Dataset entries:
_ _ _ _ _

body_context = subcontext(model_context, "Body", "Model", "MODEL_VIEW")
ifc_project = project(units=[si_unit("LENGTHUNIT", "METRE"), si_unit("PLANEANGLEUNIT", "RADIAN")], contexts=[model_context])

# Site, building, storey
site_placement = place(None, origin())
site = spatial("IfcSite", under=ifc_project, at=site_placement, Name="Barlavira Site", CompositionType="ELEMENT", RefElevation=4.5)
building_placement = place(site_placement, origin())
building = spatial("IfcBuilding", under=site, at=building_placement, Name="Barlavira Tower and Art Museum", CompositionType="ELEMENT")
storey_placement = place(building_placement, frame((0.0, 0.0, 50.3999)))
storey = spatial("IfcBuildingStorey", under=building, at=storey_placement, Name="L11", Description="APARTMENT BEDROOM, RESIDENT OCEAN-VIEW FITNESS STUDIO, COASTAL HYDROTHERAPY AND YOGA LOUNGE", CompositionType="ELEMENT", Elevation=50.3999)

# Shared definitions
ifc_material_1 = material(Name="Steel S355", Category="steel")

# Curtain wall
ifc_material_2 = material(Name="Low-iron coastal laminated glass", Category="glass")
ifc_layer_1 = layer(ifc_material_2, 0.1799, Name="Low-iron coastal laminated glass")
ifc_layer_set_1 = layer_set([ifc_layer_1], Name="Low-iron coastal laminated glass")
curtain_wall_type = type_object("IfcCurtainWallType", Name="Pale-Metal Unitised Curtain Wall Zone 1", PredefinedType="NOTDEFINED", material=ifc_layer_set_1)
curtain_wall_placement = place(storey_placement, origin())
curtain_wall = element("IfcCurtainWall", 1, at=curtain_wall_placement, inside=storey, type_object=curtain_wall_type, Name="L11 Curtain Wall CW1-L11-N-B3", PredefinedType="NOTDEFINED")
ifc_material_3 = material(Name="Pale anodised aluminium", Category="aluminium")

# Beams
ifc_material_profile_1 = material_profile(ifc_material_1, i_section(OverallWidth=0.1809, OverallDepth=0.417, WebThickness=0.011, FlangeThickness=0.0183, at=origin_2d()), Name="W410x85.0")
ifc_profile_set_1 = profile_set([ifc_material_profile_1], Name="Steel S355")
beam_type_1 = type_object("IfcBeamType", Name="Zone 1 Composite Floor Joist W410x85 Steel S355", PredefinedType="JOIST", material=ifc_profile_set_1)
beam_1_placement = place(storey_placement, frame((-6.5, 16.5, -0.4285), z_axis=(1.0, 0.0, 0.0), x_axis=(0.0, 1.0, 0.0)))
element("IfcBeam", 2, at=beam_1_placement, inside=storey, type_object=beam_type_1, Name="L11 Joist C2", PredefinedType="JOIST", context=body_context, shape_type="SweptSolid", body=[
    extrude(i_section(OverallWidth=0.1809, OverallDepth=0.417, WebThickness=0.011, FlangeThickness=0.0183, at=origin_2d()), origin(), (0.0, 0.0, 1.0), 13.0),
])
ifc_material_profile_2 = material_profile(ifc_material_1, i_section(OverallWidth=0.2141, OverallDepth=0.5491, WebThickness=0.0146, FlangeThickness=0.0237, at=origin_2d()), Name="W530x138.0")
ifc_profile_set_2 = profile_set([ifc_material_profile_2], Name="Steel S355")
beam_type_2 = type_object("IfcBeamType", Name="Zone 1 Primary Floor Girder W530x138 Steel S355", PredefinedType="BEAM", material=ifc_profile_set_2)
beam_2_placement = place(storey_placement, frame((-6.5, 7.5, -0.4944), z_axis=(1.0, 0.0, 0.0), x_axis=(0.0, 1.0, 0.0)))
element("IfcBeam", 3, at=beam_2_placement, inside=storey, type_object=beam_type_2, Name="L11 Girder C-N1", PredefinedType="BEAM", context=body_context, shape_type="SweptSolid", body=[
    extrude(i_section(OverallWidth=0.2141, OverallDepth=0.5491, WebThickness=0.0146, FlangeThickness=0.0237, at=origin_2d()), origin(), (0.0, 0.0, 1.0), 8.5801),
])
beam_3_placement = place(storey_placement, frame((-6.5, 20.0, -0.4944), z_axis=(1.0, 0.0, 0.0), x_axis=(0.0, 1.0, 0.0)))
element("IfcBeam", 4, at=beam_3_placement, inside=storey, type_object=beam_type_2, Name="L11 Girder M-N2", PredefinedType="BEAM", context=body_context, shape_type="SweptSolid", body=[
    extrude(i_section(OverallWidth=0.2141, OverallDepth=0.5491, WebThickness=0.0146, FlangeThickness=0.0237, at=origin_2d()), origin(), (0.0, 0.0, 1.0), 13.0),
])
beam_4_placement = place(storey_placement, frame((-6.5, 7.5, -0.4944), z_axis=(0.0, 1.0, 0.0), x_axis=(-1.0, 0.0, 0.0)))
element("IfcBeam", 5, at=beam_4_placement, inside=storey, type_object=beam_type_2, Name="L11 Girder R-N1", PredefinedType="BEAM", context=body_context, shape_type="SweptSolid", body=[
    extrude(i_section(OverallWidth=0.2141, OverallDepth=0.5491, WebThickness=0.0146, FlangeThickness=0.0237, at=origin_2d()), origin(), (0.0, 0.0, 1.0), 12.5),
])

_ _ _ _ _

• _EXERCISE INSTRUCTIONS_
Copy out, in full, each line above that has the word "iron" in it.

• _SOLUTION BELOW_
ifc_material_2 = material(Name="Low-iron coastal laminated glass", Category="glass")
ifc_layer_1 = layer(ifc_material_2, 0.1799, Name="Low-iron coastal laminated glass")
ifc_layer_set_1 = layer_set([ifc_layer_1], Name="Low-iron coastal laminated glass")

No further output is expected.